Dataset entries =
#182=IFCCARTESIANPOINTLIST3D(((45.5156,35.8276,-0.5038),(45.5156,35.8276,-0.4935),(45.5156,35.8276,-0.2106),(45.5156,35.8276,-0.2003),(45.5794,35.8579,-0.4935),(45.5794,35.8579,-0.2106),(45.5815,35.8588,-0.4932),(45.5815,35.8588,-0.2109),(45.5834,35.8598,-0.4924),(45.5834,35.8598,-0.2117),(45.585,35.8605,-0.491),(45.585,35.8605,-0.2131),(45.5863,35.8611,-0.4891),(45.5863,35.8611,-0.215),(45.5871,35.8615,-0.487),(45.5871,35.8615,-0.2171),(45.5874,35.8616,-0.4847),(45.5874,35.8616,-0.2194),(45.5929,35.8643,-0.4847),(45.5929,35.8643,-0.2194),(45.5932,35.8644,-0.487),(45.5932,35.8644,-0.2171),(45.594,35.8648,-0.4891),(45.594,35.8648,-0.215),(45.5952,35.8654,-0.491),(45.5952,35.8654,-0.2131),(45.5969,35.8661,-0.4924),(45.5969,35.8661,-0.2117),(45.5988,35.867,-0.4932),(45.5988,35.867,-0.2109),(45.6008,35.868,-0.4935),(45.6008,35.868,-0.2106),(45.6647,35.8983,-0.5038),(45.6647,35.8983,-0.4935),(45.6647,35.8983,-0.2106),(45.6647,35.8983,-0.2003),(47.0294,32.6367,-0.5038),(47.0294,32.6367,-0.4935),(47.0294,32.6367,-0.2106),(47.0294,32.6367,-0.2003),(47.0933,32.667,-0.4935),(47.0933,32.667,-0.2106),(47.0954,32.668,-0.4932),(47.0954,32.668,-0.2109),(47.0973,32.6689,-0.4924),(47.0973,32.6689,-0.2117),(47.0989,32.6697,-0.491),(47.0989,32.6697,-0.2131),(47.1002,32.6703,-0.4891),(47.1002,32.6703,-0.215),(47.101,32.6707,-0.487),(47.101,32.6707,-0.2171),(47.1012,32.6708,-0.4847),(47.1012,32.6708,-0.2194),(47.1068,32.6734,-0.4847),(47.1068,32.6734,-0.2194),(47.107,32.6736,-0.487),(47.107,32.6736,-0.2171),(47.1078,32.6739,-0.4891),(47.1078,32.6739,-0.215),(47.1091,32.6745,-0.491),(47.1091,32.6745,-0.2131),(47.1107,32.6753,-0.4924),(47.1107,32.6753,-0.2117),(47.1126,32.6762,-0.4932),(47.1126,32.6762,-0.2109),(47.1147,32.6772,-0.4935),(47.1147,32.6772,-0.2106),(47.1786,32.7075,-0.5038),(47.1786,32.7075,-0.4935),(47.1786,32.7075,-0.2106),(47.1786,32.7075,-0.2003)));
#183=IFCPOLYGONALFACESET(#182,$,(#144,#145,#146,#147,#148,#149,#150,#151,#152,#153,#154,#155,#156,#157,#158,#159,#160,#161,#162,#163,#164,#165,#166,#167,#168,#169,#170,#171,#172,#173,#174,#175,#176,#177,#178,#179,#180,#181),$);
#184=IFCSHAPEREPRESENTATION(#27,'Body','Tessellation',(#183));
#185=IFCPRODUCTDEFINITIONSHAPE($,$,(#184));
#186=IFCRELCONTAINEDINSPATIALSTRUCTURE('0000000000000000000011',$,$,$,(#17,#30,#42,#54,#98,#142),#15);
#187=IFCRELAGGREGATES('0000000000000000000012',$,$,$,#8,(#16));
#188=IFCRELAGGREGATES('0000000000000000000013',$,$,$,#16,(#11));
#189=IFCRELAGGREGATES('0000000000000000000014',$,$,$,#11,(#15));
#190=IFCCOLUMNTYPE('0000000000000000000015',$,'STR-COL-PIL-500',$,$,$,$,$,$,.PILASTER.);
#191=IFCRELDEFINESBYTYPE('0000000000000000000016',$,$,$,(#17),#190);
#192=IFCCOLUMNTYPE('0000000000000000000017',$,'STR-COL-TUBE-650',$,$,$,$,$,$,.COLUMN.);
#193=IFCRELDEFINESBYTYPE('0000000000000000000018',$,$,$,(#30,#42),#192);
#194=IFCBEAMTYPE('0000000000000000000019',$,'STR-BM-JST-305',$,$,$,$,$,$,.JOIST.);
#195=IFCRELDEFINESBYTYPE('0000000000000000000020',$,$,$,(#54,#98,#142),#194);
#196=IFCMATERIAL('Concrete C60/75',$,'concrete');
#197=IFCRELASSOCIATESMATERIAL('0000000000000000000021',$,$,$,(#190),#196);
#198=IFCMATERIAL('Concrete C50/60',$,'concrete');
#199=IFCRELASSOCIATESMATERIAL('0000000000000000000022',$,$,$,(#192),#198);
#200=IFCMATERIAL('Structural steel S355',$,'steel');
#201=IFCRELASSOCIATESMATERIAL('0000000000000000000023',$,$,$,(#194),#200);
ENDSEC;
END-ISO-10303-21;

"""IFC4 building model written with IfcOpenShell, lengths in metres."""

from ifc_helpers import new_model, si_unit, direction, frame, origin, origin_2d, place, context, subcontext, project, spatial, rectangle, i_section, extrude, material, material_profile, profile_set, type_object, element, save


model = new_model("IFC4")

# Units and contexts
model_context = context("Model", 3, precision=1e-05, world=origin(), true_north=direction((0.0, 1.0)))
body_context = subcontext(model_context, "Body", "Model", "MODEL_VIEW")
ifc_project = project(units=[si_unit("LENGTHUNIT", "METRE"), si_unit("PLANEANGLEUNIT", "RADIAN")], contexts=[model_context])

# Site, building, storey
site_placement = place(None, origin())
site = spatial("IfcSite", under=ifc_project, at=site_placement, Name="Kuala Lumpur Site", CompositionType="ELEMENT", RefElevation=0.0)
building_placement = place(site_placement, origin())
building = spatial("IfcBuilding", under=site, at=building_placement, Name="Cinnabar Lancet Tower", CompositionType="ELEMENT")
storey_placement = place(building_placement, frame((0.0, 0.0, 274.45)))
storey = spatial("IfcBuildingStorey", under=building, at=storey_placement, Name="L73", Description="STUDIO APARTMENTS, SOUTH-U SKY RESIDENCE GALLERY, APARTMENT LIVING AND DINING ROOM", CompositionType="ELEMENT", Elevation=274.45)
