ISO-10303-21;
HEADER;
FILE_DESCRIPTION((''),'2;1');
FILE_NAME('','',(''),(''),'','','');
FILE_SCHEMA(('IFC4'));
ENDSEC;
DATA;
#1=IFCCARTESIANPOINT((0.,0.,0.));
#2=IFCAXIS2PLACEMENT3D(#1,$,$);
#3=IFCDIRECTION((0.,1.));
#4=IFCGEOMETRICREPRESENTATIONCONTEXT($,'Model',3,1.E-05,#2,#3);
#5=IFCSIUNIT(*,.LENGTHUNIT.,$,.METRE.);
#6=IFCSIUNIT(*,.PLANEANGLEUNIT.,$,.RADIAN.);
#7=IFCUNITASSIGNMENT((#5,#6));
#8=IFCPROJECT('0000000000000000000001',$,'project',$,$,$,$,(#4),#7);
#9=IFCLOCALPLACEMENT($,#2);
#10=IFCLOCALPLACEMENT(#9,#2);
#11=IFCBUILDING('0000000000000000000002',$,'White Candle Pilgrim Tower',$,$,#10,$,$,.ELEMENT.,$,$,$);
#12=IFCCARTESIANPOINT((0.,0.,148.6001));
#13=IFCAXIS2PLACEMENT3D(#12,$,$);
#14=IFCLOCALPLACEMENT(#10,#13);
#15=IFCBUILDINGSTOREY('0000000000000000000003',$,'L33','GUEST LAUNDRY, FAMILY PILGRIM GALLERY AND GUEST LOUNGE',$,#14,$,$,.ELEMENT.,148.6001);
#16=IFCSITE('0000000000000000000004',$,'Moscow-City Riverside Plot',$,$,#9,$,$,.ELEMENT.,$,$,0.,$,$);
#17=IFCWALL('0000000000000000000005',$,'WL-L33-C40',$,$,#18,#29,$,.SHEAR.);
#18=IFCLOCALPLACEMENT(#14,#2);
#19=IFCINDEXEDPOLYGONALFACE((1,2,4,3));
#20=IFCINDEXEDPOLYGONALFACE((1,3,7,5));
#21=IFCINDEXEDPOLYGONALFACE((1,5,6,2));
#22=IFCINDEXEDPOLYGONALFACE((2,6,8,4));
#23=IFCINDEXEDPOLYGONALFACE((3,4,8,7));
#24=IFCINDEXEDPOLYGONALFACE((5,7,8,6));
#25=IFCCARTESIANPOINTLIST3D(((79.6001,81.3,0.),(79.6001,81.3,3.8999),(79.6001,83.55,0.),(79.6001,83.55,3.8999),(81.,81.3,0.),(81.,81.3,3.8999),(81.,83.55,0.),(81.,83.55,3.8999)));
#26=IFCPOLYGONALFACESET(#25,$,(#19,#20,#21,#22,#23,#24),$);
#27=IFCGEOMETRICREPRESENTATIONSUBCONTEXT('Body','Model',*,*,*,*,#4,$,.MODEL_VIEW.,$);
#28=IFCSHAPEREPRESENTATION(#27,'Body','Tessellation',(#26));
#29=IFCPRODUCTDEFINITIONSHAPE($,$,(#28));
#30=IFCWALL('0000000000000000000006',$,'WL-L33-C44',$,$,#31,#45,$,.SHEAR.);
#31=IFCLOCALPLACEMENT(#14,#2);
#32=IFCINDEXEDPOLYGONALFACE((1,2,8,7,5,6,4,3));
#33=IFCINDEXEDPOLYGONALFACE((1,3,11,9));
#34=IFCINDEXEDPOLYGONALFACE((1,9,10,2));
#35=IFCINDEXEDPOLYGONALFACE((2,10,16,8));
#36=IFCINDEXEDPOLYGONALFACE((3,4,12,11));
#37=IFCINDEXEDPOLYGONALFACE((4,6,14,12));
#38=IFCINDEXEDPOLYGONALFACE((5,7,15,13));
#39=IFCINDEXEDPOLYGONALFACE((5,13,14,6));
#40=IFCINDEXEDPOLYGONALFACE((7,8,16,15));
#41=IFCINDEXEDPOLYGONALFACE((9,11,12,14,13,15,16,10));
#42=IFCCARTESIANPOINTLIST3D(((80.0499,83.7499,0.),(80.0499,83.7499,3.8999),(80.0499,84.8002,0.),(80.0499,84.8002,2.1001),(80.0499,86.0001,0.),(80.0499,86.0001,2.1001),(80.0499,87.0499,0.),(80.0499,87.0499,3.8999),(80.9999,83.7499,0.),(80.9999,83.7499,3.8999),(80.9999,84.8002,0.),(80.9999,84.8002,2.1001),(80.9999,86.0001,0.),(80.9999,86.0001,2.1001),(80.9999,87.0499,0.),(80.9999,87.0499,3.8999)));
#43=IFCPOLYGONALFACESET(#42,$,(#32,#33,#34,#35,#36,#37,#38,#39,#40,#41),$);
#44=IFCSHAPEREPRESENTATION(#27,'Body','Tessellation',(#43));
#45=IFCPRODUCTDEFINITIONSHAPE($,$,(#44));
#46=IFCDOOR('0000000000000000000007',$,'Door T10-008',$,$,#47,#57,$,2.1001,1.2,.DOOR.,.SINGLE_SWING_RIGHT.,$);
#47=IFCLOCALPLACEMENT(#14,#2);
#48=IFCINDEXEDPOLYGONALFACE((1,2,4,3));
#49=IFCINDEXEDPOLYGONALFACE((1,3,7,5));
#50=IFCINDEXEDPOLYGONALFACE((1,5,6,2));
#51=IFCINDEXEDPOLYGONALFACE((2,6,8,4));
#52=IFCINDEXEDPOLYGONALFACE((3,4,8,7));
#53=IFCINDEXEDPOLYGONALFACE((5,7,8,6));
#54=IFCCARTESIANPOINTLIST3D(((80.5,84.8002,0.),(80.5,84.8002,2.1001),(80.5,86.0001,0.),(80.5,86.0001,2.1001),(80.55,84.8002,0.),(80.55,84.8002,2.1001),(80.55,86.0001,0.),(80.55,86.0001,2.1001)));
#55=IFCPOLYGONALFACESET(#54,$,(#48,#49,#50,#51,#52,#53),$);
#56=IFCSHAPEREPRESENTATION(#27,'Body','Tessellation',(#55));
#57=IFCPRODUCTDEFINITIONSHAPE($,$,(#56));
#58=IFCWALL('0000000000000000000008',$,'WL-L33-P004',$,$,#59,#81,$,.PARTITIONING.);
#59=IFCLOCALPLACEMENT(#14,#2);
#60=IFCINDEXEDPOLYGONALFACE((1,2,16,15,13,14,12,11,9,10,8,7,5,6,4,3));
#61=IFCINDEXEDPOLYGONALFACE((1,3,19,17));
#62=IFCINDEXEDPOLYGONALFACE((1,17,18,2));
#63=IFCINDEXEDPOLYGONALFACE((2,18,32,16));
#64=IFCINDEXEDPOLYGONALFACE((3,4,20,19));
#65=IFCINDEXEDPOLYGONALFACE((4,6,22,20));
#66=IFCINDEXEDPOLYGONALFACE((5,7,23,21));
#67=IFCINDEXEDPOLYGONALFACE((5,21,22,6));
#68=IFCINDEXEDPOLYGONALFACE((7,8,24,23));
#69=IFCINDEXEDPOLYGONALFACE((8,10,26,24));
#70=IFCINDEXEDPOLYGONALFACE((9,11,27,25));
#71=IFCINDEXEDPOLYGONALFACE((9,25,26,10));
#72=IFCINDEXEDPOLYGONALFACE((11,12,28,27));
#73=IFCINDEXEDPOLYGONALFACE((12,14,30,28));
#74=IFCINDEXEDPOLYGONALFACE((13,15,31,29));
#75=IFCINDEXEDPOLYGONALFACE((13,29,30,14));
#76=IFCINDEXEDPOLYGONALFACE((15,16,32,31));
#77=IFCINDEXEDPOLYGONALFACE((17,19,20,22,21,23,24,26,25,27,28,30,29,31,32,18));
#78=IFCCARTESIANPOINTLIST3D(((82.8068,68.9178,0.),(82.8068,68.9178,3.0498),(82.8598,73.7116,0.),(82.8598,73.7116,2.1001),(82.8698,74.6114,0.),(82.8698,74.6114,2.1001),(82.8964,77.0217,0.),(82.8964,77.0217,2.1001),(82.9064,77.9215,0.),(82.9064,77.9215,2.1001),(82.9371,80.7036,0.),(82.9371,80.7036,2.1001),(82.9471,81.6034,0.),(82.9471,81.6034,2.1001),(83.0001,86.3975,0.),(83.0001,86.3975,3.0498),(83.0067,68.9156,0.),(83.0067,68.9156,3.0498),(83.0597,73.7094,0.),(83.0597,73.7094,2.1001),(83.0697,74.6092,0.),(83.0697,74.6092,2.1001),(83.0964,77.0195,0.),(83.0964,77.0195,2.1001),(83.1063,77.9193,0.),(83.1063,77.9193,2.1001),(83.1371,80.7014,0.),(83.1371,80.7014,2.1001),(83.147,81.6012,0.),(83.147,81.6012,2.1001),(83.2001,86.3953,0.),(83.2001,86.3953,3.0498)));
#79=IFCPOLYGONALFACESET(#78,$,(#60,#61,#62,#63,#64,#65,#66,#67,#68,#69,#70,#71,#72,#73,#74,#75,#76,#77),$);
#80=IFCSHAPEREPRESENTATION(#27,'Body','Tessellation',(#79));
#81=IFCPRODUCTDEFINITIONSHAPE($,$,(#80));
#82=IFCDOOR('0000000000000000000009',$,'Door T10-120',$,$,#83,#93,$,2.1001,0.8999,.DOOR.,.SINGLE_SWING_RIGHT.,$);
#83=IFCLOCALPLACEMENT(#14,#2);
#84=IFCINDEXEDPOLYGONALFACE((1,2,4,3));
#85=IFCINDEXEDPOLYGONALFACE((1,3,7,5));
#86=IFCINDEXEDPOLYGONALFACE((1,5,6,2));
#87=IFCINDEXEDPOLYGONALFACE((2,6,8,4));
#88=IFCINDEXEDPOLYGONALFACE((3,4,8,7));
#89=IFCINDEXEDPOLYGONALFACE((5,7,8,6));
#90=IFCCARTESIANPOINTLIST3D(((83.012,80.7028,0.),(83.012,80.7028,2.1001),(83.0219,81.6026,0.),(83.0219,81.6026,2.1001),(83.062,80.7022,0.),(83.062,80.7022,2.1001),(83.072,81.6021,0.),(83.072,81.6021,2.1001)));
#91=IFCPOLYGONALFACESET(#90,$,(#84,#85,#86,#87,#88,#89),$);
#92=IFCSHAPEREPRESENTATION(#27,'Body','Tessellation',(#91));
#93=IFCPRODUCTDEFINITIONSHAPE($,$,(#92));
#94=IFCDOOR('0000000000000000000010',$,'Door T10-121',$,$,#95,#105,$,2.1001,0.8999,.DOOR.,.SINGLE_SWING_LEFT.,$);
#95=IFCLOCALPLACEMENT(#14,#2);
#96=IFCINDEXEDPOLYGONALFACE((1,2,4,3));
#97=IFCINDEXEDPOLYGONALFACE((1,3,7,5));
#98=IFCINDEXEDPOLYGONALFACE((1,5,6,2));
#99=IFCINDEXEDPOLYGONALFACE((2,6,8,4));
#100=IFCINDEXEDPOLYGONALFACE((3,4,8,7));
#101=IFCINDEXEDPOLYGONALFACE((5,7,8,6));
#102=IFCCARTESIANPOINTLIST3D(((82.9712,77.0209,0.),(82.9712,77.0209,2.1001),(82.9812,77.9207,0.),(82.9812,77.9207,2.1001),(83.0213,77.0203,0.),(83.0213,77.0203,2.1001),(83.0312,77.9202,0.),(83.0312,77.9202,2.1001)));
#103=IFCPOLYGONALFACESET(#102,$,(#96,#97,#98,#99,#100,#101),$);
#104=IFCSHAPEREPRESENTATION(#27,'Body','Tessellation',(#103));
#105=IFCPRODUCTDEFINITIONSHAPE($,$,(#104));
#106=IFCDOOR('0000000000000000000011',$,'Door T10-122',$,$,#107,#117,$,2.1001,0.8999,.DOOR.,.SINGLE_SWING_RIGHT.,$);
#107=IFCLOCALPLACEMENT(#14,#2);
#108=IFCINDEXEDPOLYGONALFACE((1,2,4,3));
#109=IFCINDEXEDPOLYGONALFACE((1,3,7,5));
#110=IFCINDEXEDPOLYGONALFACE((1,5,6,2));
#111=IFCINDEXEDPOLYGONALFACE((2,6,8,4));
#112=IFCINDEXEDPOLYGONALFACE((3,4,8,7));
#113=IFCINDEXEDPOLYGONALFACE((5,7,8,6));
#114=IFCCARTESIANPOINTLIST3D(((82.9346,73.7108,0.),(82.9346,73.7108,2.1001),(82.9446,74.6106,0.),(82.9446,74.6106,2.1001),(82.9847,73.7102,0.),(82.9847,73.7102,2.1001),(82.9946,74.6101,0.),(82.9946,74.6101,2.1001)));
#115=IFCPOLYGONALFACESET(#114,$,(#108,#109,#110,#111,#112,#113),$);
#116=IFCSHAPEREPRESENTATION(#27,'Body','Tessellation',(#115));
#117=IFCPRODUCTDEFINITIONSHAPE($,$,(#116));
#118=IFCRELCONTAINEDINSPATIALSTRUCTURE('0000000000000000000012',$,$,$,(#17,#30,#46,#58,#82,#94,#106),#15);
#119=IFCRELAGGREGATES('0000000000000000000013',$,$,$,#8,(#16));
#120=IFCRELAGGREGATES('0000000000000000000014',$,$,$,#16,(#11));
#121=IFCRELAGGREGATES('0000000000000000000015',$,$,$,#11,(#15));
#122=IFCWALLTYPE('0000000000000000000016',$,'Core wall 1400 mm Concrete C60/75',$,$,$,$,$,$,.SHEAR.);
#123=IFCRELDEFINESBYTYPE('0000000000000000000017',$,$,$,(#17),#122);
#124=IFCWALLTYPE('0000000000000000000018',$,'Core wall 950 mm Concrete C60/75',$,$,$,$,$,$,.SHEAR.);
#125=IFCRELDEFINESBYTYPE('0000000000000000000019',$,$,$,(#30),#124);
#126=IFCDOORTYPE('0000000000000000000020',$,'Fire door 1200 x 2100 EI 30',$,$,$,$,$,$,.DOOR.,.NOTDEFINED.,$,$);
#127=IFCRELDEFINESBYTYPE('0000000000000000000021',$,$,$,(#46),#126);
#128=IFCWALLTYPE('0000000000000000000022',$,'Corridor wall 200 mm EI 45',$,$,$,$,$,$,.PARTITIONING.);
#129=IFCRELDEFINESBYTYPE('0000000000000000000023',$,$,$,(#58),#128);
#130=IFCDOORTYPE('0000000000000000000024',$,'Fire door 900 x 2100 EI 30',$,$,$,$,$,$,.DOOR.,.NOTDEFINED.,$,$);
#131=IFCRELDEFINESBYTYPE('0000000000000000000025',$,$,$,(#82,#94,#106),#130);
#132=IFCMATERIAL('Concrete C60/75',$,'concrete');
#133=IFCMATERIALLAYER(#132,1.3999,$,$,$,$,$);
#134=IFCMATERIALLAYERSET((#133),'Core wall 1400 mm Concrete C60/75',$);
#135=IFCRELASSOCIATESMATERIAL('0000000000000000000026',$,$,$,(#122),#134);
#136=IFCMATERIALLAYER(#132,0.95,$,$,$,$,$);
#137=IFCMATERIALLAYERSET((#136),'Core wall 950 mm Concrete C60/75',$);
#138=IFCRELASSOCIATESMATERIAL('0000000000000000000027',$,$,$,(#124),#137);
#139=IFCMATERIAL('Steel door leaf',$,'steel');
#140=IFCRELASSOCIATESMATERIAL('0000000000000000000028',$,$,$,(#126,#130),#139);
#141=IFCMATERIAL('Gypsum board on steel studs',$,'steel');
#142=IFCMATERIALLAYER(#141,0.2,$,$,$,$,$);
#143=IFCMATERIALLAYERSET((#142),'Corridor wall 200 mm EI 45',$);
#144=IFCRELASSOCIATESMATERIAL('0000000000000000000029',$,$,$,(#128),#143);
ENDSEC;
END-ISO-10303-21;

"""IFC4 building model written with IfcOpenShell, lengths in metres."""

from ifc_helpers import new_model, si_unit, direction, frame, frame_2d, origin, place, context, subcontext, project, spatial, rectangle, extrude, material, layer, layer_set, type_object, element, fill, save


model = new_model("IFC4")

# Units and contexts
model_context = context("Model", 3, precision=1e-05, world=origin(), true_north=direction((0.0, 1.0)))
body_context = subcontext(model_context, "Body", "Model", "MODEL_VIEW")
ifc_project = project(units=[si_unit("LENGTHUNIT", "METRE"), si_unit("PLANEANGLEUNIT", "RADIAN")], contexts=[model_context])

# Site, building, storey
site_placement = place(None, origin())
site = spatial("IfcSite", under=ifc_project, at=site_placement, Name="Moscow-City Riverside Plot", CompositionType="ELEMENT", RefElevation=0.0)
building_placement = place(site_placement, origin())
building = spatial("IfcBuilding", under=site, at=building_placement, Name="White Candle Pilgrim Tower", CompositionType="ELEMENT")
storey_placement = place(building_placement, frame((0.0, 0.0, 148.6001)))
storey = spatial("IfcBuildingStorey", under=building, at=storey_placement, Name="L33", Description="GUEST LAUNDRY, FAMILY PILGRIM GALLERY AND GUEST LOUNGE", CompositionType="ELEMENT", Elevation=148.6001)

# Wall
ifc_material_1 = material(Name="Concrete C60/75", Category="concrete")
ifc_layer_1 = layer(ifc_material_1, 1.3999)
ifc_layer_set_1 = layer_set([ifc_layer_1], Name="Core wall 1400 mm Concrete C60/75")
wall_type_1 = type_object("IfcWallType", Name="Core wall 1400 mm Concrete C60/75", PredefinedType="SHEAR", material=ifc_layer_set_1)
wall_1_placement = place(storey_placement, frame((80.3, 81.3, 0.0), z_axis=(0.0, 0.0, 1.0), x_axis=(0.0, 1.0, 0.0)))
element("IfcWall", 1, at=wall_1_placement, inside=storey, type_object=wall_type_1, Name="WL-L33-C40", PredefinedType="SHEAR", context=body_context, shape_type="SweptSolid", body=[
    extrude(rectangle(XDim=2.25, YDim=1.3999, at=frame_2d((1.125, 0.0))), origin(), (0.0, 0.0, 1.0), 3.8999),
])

ACTIVITY = Find the lines above that contain the word "IFCCOLUMNTYPE" and copy each one.

ANSWER TO THIS EXERCISE =
#190=IFCCOLUMNTYPE('0000000000000000000015',$,'STR-COL-PIL-500',$,$,$,$,$,$,.PILASTER.);
#192=IFCCOLUMNTYPE('0000000000000000000017',$,'STR-COL-TUBE-650',$,$,$,$,$,$,.COLUMN.);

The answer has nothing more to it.